Start of AVAILABLE DATA

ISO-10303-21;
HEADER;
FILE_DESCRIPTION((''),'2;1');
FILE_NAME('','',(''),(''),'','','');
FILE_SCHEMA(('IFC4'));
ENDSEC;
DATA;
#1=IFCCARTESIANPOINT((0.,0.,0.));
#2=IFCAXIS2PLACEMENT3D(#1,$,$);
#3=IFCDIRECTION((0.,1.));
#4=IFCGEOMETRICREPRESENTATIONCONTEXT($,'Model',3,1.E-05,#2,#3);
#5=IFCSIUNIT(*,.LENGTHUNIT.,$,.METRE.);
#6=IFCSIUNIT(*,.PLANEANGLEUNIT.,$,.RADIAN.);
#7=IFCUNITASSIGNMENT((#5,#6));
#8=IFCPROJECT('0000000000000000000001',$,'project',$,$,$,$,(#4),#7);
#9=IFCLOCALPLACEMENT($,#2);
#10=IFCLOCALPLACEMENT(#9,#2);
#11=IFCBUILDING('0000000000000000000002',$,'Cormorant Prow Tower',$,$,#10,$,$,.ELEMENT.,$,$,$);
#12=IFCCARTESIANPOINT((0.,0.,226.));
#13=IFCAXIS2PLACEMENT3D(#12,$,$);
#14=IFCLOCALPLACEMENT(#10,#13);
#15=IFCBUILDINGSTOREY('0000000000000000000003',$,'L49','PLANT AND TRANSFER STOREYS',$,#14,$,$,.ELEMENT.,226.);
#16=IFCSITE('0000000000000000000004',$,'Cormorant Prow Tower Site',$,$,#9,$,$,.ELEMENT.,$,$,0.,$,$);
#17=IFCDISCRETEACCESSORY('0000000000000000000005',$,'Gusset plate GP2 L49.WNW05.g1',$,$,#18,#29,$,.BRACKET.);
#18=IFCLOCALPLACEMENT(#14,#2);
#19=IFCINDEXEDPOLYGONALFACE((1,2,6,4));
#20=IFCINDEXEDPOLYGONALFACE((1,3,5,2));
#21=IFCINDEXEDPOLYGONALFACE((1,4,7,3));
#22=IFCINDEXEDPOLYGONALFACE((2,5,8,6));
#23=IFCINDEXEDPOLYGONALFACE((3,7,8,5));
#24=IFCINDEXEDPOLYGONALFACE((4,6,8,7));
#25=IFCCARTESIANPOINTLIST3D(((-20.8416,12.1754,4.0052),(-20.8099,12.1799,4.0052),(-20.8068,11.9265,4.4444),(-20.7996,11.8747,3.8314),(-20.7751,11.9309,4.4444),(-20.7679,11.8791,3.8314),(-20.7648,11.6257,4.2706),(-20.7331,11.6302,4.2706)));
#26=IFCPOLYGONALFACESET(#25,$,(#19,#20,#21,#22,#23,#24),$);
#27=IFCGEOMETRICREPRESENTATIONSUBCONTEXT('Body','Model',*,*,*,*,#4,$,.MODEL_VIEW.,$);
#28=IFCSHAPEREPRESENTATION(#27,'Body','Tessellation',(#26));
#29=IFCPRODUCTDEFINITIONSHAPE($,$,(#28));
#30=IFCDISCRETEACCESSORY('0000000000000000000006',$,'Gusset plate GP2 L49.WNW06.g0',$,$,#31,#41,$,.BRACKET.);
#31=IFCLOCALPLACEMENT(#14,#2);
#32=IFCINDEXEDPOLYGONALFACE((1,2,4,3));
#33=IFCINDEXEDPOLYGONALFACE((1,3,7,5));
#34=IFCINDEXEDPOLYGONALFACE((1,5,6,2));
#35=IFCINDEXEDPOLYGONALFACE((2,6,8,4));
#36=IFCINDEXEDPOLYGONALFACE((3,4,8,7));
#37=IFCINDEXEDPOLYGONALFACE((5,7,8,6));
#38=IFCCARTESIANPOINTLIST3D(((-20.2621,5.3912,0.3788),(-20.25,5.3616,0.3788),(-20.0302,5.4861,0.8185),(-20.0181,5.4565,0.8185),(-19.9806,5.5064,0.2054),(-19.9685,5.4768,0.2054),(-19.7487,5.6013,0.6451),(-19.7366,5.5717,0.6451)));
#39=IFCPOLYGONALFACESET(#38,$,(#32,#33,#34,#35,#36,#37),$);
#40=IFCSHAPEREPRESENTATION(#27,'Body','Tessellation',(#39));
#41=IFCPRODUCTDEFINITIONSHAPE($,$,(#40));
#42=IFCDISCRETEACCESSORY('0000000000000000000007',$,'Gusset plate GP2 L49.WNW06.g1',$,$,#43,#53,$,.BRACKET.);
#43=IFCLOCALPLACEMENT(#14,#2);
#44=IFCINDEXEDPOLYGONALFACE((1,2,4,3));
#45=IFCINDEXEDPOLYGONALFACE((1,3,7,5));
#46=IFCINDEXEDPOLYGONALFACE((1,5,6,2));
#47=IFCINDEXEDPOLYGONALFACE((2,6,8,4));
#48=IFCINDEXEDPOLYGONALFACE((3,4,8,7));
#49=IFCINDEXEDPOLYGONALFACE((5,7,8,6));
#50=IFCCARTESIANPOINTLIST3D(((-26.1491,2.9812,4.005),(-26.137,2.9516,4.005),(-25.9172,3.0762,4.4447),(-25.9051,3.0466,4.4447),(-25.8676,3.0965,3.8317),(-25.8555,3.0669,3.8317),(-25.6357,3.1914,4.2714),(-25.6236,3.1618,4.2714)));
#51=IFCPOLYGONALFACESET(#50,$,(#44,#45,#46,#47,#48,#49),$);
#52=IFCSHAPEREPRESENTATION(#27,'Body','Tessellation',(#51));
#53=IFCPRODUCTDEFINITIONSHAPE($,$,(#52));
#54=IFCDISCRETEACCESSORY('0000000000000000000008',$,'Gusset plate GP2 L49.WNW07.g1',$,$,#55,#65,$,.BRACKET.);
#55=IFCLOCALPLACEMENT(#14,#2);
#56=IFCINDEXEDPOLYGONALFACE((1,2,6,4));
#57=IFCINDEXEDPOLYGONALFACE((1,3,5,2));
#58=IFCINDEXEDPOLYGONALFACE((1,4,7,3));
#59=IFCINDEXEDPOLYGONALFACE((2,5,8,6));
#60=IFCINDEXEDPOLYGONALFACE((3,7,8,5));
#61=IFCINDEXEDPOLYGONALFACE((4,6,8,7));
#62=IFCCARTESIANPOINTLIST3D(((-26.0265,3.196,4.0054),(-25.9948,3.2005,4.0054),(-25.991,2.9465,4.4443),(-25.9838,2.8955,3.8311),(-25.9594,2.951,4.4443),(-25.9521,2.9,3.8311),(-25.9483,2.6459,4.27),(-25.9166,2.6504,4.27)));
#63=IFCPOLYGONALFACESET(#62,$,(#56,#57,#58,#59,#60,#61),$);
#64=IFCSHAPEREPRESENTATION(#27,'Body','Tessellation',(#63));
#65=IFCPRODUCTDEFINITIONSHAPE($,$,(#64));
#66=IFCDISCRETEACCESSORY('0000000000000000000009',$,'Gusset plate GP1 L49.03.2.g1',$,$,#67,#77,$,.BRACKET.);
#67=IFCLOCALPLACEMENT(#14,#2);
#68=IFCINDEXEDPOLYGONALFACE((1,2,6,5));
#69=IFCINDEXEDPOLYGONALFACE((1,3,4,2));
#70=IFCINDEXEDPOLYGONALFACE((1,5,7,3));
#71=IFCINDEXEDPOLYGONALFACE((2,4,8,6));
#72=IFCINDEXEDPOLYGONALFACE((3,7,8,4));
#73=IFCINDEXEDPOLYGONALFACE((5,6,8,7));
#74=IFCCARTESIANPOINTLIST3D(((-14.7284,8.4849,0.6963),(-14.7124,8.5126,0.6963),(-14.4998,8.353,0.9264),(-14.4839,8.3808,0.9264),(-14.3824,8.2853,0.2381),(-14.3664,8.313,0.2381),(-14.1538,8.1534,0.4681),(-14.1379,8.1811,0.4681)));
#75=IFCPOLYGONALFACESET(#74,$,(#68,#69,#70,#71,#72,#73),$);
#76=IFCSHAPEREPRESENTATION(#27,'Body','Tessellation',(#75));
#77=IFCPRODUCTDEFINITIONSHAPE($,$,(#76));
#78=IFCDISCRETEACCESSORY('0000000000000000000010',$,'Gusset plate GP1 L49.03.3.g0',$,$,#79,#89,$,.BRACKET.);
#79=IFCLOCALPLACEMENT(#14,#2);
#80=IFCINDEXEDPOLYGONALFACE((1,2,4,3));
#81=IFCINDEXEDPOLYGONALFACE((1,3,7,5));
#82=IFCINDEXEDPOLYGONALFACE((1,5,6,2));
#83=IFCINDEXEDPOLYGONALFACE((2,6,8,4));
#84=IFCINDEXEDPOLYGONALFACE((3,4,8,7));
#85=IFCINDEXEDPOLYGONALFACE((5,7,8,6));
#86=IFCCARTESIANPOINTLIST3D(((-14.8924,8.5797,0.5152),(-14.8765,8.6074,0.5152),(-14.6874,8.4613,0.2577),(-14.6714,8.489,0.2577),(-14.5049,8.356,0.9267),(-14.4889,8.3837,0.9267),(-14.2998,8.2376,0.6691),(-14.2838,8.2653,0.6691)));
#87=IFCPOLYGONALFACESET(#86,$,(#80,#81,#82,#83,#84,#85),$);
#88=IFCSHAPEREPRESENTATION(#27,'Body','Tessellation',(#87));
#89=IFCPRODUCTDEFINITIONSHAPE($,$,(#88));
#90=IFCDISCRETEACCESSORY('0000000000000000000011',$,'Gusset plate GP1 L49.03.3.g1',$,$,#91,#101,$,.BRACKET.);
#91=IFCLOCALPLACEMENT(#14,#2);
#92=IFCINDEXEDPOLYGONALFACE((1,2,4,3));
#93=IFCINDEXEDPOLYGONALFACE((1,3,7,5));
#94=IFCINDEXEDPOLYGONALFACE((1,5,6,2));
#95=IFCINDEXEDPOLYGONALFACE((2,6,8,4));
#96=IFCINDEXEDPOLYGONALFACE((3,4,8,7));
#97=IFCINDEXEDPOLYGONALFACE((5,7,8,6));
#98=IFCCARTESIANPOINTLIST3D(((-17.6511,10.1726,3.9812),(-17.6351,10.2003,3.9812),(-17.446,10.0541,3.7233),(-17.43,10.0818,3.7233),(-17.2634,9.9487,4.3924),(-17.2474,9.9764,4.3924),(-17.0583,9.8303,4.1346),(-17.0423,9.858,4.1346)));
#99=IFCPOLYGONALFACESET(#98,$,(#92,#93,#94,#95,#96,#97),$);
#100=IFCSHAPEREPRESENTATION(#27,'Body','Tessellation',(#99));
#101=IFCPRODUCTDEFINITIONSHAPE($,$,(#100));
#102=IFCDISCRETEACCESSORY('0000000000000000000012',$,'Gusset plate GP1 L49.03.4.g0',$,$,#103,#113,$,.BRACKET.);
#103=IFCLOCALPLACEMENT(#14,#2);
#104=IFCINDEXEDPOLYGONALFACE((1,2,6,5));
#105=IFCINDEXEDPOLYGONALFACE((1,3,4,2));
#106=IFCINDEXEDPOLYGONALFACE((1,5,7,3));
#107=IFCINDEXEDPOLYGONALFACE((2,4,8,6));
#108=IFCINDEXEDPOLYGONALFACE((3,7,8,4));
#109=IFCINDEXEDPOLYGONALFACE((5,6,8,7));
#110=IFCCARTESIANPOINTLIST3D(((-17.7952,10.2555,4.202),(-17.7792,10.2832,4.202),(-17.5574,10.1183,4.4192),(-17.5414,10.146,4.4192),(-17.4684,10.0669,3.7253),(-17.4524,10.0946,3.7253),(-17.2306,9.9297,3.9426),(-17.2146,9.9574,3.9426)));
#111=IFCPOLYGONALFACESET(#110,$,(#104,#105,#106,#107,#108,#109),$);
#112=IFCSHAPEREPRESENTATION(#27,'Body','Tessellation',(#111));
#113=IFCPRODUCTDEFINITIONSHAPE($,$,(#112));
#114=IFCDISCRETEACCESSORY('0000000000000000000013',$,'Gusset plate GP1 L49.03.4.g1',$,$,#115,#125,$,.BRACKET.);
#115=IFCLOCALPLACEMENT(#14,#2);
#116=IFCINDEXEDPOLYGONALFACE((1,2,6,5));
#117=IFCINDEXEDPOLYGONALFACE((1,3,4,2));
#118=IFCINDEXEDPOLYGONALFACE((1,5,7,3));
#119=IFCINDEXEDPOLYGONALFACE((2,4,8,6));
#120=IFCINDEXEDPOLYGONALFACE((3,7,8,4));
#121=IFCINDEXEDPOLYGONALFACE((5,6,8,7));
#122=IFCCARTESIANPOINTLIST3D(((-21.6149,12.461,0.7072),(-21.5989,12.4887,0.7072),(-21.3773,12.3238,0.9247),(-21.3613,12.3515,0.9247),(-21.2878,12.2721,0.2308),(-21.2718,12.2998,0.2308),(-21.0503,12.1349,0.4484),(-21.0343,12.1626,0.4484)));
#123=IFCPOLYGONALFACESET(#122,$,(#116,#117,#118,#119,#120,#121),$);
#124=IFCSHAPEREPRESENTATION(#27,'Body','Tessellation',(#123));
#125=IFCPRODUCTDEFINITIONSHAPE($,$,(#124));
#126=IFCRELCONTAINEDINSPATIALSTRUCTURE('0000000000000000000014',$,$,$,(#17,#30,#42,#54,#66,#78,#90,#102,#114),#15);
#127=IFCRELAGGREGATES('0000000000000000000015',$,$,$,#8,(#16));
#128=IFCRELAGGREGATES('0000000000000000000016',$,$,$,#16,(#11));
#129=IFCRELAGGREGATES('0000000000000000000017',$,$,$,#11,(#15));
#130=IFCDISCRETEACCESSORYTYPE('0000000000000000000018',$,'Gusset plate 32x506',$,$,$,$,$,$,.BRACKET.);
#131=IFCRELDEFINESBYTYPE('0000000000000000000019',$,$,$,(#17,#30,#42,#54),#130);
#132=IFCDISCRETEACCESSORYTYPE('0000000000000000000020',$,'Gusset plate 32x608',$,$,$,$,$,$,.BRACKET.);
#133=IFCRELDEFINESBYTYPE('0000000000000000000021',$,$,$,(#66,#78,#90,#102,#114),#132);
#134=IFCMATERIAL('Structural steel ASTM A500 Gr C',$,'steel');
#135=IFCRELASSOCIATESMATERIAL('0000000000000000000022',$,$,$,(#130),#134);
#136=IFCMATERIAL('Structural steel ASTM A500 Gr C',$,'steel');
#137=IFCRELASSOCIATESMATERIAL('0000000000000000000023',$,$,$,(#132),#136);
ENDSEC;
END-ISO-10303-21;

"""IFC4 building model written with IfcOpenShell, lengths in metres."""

from ifc_helpers import new_model, si_unit, direction, frame, origin, origin_2d, place, context, subcontext, project, spatial, rectangle, extrude, material, material_profile, profile_set, type_object, element, save


model = new_model("IFC4")

# Units and contexts
model_context = context("Model", 3, precision=1e-05, world=origin(), true_north=direction((0.0, 1.0)))
body_context = subcontext(model_context, "Body", "Model", "MODEL_VIEW")
ifc_project = project(units=[si_unit("LENGTHUNIT", "METRE"), si_unit("PLANEANGLEUNIT", "RADIAN")], contexts=[model_context])

# Site, building, storey
site_placement = place(None, origin())
site = spatial("IfcSite", under=ifc_project, at=site_placement, Name="Cormorant Prow Tower Site", CompositionType="ELEMENT", RefElevation=0.0)
building_placement = place(site_placement, origin())
building = spatial("IfcBuilding", under=site, at=building_placement, Name="Cormorant Prow Tower", CompositionType="ELEMENT")
storey_placement = place(building_placement, frame((0.0, 0.0, 226.0)))
storey = spatial("IfcBuildingStorey", under=building, at=storey_placement, Name="L49", Description="PLANT AND TRANSFER STOREYS", CompositionType="ELEMENT", Elevation=226.0)

# Discrete accessories
ifc_material_1 = material(Name="Structural steel ASTM A500 Gr C", Category="steel")
ifc_material_profile_1 = material_profile(ifc_material_1, rectangle(XDim=0.032, YDim=0.5061, at=origin_2d()), Name="Gusset plate 32x506")
ifc_profile_set_1 = profile_set([ifc_material_profile_1], Name="Structural steel ASTM A500 Gr C")
discrete_accessory_type_1 = type_object("IfcDiscreteAccessoryType", Name="Gusset plate 32x506", PredefinedType="BRACKET", material=ifc_profile_set_1)
discrete_accessory_1_placement = place(storey_placement, frame((-20.7664, 11.7524, 4.051), z_axis=(-0.120003, 0.859554, 0.496755), x_axis=(-0.990395, -0.138269, 0.0)))
element("IfcDiscreteAccessory", 1, at=discrete_accessory_1_placement, inside=storey, type_object=discrete_accessory_type_1, Name="Gusset plate GP2 L49.WNW05.g1", PredefinedType="BRACKET", context=body_context, shape_type="SweptSolid", body=[
    extrude(rectangle(XDim=0.032, YDim=0.5061, at=origin_2d()), origin(), (0.0, 0.0, 1.0), 0.3499),
])
for number, where, z_axis, x_axis, name in (
    (2, (-20.1401, 5.4238, 0.5986), (0.804057, 0.329154, -0.495126), (-0.378852, 0.925457, 0.0), "Gusset plate GP2 L49.WNW06.g0"),
    (3, (-25.7456, 3.1292, 4.0515), (-0.804057, -0.329154, 0.495126), (0.378852, -0.925457, 0.0), "Gusset plate GP2 L49.WNW06.g1"),
    (4, (-25.9502, 2.7729, 4.0505), (-0.122053, 0.858558, 0.497977), (-0.990046, -0.140746, 0.0), "Gusset plate GP2 L49.WNW07.g1"),
):
    element("IfcDiscreteAccessory", number, at=place(storey_placement, frame(where, z_axis=z_axis, x_axis=x_axis)), inside=storey, type_object=discrete_accessory_type_1, Name=name, PredefinedType="BRACKET", context=body_context, shape_type="SweptSolid", body=[
        extrude(rectangle(XDim=0.032, YDim=0.5061, at=origin_2d()), origin(), (0.0, 0.0, 1.0), 0.3501),
    ])
ifc_material_2 = material(Name="Structural steel ASTM A500 Gr C", Category="steel")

End of AVAILABLE DATA

All that is wanted is an exact copy of the lines above from the one with "#14=IFCLOCALPLACEMENT(#10,#13);" through the one with "#47=IFCINDEXEDPOLYGONALFACE((2,6,8,4));", with both ends included.

ANSWER SPACE:
#14=IFCLOCALPLACEMENT(#10,#13);
#15=IFCBUILDINGSTOREY('0000000000000000000003',$,'L49','PLANT AND TRANSFER STOREYS',$,#14,$,$,.ELEMENT.,226.);
#16=IFCSITE('0000000000000000000004',$,'Cormorant Prow Tower Site',$,$,#9,$,$,.ELEMENT.,$,$,0.,$,$);
#17=IFCDISCRETEACCESSORY('0000000000000000000005',$,'Gusset plate GP2 L49.WNW05.g1',$,$,#18,#29,$,.BRACKET.);
#18=IFCLOCALPLACEMENT(#14,#2);
#19=IFCINDEXEDPOLYGONALFACE((1,2,6,4));
#20=IFCINDEXEDPOLYGONALFACE((1,3,5,2));
#21=IFCINDEXEDPOLYGONALFACE((1,4,7,3));
#22=IFCINDEXEDPOLYGONALFACE((2,5,8,6));
#23=IFCINDEXEDPOLYGONALFACE((3,7,8,5));
#24=IFCINDEXEDPOLYGONALFACE((4,6,8,7));
#25=IFCCARTESIANPOINTLIST3D(((-20.8416,12.1754,4.0052),(-20.8099,12.1799,4.0052),(-20.8068,11.9265,4.4444),(-20.7996,11.8747,3.8314),(-20.7751,11.9309,4.4444),(-20.7679,11.8791,3.8314),(-20.7648,11.6257,4.2706),(-20.7331,11.6302,4.2706)));
#26=IFCPOLYGONALFACESET(#25,$,(#19,#20,#21,#22,#23,#24),$);
#27=IFCGEOMETRICREPRESENTATIONSUBCONTEXT('Body','Model',*,*,*,*,#4,$,.MODEL_VIEW.,$);
#28=IFCSHAPEREPRESENTATION(#27,'Body','Tessellation',(#26));
#29=IFCPRODUCTDEFINITIONSHAPE($,$,(#28));
#30=IFCDISCRETEACCESSORY('0000000000000000000006',$,'Gusset plate GP2 L49.WNW06.g0',$,$,#31,#41,$,.BRACKET.);
#31=IFCLOCALPLACEMENT(#14,#2);
#32=IFCINDEXEDPOLYGONALFACE((1,2,4,3));
#33=IFCINDEXEDPOLYGONALFACE((1,3,7,5));
#34=IFCINDEXEDPOLYGONALFACE((1,5,6,2));
#35=IFCINDEXEDPOLYGONALFACE((2,6,8,4));
#36=IFCINDEXEDPOLYGONALFACE((3,4,8,7));
#37=IFCINDEXEDPOLYGONALFACE((5,7,8,6));
#38=IFCCARTESIANPOINTLIST3D(((-20.2621,5.3912,0.3788),(-20.25,5.3616,0.3788),(-20.0302,5.4861,0.8185),(-20.0181,5.4565,0.8185),(-19.9806,5.5064,0.2054),(-19.9685,5.4768,0.2054),(-19.7487,5.6013,0.6451),(-19.7366,5.5717,0.6451)));
#39=IFCPOLYGONALFACESET(#38,$,(#32,#33,#34,#35,#36,#37),$);
#40=IFCSHAPEREPRESENTATION(#27,'Body','Tessellation',(#39));
#41=IFCPRODUCTDEFINITIONSHAPE($,$,(#40));
#42=IFCDISCRETEACCESSORY('0000000000000000000007',$,'Gusset plate GP2 L49.WNW06.g1',$,$,#43,#53,$,.BRACKET.);
#43=IFCLOCALPLACEMENT(#14,#2);
#44=IFCINDEXEDPOLYGONALFACE((1,2,4,3));
#45=IFCINDEXEDPOLYGONALFACE((1,3,7,5));
#46=IFCINDEXEDPOLYGONALFACE((1,5,6,2));
#47=IFCINDEXEDPOLYGONALFACE((2,6,8,4));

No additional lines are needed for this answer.